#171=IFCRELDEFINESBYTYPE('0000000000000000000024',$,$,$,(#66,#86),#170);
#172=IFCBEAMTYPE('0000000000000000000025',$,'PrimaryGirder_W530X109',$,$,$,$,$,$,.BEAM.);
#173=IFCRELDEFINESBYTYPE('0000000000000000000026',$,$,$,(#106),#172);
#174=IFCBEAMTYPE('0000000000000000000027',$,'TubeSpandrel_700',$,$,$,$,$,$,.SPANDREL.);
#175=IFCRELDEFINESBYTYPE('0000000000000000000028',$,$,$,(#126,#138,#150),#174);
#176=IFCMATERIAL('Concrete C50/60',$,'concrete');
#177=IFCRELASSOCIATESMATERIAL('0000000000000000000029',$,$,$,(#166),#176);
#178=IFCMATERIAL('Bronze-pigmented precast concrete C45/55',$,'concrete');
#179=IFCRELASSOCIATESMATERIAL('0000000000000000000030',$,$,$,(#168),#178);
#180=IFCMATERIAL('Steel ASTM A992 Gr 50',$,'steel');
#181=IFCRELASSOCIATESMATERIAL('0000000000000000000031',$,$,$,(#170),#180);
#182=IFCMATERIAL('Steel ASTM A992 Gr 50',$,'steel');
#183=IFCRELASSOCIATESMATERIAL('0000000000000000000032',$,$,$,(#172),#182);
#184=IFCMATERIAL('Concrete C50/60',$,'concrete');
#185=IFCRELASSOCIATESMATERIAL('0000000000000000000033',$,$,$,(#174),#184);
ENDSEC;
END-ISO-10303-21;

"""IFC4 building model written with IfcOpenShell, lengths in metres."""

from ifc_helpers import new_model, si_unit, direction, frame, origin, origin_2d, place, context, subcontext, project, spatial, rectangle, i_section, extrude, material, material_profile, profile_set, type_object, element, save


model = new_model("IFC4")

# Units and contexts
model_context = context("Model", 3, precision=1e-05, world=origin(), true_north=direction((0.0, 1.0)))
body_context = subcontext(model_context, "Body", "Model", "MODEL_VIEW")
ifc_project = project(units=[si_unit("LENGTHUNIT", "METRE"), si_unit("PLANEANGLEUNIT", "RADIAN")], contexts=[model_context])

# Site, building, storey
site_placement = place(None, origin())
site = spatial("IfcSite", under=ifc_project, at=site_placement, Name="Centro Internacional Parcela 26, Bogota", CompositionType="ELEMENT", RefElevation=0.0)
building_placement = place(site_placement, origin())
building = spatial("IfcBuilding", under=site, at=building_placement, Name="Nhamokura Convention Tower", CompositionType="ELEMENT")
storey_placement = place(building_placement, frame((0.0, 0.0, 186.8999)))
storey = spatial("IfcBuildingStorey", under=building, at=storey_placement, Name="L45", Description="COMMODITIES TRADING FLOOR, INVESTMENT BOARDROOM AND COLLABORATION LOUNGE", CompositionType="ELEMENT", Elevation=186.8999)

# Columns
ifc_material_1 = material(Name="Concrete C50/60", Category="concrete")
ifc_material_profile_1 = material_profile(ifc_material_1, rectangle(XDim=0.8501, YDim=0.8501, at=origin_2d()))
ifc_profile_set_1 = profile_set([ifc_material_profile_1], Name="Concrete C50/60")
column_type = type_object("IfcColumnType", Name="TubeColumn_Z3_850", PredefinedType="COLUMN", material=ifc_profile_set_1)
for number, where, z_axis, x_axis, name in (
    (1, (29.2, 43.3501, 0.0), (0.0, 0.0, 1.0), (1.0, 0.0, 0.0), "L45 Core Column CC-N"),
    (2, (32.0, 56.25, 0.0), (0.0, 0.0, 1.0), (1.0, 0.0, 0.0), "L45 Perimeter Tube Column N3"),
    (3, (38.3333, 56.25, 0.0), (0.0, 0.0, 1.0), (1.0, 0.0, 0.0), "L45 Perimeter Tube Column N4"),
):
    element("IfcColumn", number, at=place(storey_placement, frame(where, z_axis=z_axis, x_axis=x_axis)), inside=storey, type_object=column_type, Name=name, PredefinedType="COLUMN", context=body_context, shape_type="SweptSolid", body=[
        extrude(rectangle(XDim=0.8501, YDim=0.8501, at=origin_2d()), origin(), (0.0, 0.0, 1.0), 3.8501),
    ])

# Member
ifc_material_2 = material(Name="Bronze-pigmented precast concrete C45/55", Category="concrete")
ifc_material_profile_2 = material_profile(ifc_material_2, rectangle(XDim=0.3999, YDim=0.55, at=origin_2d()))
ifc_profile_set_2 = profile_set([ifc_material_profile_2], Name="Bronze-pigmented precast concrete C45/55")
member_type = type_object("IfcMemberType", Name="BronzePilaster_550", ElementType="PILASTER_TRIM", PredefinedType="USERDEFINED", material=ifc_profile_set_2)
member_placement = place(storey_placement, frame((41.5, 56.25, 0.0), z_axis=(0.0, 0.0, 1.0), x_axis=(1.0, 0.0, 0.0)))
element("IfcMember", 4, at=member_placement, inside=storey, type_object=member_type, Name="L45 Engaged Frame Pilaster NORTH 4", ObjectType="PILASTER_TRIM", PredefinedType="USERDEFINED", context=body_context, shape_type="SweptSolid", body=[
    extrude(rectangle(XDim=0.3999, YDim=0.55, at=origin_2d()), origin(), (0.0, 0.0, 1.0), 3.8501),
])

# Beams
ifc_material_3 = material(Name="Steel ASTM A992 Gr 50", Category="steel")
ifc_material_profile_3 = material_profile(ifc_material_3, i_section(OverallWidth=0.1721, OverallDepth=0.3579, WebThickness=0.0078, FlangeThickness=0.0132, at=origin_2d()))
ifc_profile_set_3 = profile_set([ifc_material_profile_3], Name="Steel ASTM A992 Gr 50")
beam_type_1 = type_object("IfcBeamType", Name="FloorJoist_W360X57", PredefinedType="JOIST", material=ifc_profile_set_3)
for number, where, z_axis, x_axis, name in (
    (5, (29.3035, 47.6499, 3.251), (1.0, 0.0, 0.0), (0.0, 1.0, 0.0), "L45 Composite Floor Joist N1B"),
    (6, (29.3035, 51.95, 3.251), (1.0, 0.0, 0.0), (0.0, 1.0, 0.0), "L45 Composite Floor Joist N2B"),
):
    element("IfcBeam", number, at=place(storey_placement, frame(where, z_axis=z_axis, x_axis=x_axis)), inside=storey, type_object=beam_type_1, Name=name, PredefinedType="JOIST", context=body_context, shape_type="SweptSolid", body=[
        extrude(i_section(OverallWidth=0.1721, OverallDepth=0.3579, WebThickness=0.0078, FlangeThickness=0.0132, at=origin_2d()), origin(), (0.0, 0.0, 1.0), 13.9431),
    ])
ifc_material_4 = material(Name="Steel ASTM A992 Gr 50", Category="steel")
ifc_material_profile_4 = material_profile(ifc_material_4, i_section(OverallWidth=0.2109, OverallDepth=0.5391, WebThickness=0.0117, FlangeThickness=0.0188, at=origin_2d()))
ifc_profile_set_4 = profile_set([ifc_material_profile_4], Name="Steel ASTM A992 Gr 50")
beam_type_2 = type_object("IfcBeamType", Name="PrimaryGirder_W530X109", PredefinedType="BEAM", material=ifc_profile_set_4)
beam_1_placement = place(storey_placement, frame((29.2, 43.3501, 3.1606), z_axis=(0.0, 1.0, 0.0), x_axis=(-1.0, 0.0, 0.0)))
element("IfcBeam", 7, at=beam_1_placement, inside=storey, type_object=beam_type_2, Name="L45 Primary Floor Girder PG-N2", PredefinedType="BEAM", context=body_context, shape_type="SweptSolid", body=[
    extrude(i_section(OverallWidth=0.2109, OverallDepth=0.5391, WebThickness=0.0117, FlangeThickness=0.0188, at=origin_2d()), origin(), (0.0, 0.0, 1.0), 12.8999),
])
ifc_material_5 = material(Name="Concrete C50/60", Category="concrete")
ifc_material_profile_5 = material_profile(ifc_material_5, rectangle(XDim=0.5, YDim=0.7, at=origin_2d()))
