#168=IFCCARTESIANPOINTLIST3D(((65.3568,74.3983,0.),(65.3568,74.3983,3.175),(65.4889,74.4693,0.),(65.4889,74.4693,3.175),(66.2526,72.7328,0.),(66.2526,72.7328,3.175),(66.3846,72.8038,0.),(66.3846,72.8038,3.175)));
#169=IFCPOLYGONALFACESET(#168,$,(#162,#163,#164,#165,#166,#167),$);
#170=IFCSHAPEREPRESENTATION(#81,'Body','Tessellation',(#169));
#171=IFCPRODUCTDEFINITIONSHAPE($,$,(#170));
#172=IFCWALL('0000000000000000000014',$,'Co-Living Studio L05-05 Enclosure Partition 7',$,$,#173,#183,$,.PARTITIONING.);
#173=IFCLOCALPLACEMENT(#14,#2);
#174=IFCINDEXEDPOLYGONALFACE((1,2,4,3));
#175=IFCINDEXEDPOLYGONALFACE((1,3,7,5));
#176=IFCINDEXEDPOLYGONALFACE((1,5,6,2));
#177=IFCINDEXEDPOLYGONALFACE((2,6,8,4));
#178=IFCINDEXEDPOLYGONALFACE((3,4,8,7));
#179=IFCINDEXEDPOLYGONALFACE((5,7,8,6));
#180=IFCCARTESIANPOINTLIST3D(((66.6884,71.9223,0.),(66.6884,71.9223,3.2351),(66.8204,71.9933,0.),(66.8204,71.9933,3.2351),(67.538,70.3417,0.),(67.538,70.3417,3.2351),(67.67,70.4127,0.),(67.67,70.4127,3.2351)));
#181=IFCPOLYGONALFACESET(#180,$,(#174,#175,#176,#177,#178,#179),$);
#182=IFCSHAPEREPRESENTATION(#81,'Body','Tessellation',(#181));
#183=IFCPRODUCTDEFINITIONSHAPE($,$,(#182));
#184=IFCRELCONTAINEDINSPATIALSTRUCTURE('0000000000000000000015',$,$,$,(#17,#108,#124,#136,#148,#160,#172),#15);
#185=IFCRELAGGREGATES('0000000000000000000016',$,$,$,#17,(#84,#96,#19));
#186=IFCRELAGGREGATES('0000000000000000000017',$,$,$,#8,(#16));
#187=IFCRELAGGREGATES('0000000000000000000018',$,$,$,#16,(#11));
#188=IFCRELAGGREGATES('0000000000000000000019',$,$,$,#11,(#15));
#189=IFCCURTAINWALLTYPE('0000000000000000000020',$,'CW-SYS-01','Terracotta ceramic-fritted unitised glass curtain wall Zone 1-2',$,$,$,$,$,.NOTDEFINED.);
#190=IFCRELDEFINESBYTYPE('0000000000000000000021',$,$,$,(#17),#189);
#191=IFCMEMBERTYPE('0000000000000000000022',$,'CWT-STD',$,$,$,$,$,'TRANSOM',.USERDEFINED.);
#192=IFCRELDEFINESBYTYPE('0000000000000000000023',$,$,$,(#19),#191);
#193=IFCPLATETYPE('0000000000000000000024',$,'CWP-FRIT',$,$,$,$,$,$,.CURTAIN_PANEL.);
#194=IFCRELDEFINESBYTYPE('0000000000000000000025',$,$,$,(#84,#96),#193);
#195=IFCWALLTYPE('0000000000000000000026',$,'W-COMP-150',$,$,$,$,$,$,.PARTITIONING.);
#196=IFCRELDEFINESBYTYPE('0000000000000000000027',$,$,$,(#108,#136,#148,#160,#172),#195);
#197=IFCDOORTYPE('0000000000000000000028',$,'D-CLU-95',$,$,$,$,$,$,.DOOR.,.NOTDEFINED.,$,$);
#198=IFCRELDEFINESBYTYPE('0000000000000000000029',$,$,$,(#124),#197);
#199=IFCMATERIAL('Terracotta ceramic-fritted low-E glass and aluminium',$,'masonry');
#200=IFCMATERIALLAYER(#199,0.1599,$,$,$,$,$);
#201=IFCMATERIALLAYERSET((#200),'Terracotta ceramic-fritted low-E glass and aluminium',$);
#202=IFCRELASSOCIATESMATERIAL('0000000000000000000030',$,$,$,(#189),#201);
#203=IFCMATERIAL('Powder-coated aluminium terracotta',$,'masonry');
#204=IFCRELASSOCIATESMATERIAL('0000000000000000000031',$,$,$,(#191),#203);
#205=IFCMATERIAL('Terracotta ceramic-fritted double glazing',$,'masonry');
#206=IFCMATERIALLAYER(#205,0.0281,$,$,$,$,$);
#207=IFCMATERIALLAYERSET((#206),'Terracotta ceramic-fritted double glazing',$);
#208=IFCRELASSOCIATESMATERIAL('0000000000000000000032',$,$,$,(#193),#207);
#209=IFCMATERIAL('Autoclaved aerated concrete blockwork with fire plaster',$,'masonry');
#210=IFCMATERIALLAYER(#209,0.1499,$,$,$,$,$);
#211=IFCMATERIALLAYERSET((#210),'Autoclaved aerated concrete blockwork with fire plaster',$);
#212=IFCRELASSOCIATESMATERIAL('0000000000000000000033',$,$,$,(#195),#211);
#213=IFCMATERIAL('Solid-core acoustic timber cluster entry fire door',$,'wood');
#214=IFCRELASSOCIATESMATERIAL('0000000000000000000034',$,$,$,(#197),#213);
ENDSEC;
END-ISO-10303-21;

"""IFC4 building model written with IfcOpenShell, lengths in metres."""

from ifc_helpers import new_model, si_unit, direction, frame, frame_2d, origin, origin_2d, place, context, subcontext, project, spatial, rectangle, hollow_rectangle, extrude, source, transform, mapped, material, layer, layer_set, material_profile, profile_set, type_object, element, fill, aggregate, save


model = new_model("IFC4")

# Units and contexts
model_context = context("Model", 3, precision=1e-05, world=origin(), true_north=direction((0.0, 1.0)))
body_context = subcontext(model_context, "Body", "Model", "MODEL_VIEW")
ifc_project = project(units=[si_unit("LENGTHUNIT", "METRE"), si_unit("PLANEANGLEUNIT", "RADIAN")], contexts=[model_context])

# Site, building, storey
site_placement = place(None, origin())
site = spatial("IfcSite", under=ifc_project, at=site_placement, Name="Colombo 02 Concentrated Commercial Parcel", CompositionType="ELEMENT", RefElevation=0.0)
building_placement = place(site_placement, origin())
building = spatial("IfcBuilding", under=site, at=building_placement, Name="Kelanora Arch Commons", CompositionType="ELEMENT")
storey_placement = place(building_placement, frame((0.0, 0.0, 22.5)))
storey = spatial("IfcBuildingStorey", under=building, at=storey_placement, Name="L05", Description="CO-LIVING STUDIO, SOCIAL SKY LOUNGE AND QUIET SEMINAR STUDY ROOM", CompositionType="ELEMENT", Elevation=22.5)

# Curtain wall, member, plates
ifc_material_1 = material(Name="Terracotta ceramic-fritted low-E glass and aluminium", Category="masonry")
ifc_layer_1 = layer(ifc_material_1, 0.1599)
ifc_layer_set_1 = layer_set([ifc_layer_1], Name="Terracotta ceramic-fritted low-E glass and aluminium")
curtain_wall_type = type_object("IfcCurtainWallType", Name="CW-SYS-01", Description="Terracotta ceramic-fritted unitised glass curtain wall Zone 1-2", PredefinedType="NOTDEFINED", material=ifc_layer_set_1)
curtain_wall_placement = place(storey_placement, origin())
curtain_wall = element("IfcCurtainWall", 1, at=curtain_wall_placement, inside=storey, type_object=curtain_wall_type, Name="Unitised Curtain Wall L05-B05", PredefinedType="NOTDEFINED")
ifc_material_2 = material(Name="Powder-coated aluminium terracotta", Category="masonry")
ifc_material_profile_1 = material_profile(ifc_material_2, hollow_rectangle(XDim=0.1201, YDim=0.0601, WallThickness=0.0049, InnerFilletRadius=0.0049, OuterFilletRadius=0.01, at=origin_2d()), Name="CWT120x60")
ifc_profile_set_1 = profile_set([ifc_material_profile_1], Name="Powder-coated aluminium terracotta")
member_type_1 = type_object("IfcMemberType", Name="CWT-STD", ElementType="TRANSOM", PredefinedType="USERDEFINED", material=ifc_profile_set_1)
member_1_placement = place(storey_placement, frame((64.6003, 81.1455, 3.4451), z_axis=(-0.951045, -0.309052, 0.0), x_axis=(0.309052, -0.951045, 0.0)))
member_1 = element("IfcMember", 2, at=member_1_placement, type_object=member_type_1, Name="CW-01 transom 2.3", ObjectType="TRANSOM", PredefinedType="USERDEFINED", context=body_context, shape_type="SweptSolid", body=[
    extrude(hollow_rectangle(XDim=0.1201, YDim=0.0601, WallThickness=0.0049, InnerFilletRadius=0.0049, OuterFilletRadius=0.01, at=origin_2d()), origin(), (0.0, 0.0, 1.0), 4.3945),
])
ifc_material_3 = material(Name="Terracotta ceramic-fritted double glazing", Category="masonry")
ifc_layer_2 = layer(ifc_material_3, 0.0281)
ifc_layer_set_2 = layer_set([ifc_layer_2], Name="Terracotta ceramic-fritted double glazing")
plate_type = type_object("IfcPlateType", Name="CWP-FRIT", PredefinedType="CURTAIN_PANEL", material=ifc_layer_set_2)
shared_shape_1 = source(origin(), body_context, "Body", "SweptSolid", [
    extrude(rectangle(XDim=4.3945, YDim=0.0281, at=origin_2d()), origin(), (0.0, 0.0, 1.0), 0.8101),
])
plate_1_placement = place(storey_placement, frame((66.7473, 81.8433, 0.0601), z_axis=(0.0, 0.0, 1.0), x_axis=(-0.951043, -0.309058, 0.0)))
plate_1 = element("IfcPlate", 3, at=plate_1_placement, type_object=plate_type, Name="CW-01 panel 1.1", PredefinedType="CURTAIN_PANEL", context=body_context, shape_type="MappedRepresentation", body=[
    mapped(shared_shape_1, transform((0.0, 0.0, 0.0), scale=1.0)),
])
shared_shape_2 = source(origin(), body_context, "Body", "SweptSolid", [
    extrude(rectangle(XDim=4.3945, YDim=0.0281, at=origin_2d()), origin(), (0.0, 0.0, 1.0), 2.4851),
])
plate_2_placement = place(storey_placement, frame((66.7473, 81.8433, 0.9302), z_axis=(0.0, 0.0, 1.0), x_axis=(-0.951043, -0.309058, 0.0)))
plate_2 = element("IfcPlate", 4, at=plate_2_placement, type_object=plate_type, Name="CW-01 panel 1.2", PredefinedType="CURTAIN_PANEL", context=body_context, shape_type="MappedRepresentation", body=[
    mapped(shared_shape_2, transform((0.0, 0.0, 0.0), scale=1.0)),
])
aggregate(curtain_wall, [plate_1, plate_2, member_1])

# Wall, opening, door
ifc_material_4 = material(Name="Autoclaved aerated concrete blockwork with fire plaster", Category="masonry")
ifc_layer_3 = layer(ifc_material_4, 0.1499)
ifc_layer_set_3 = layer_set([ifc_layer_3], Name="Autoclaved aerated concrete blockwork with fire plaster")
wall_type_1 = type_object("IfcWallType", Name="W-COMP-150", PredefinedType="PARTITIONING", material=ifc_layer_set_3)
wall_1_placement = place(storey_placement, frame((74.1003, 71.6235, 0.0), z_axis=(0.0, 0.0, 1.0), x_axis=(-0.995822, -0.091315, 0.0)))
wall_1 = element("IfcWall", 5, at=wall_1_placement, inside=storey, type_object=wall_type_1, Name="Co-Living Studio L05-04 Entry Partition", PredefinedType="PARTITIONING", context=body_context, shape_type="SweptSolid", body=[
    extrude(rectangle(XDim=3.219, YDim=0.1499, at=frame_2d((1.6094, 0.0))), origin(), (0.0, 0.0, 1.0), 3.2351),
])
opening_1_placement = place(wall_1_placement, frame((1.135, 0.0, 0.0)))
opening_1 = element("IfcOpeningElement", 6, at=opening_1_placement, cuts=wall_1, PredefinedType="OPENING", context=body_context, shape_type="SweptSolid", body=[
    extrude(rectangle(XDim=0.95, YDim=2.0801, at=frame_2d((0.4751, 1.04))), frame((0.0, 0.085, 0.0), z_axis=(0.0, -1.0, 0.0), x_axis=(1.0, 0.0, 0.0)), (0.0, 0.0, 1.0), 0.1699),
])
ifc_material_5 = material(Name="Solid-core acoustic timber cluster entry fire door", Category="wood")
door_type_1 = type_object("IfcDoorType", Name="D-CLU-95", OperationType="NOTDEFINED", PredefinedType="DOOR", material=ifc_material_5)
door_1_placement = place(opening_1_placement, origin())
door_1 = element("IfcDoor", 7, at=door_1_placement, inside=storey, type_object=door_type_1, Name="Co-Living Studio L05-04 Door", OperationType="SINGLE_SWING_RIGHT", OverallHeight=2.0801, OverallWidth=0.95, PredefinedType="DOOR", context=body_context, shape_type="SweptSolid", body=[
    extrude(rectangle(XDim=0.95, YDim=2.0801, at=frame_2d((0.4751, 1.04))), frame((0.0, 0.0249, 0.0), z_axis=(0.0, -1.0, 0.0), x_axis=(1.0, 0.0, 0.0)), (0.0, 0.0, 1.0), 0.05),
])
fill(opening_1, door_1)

•••

TASK PROMPT:
Would you quote everything above from the line containing "WebThickness=0.0117, FlangeThickness=0.0188, at=origin_2d()))" down to the line containing "Primary Floor Girder"? Include both of those lines and nothing else.

ANSWER TO THE PROBLEM:
ifc_material_profile_4 = material_profile(ifc_material_4, i_section(OverallWidth=0.2109, OverallDepth=0.5391, WebThickness=0.0117, FlangeThickness=0.0188, at=origin_2d()))
ifc_profile_set_4 = profile_set([ifc_material_profile_4], Name="Steel ASTM A992 Gr 50")
beam_type_2 = type_object("IfcBeamType", Name="PrimaryGirder_W530X109", PredefinedType="BEAM", material=ifc_profile_set_4)
beam_1_placement = place(storey_placement, frame((29.2, 43.3501, 3.1606), z_axis=(0.0, 1.0, 0.0), x_axis=(-1.0, 0.0, 0.0)))
element("IfcBeam", 7, at=beam_1_placement, inside=storey, type_object=beam_type_2, Name="L45 Primary Floor Girder PG-N2", PredefinedType="BEAM", context=body_context, shape_type="SweptSolid", body=[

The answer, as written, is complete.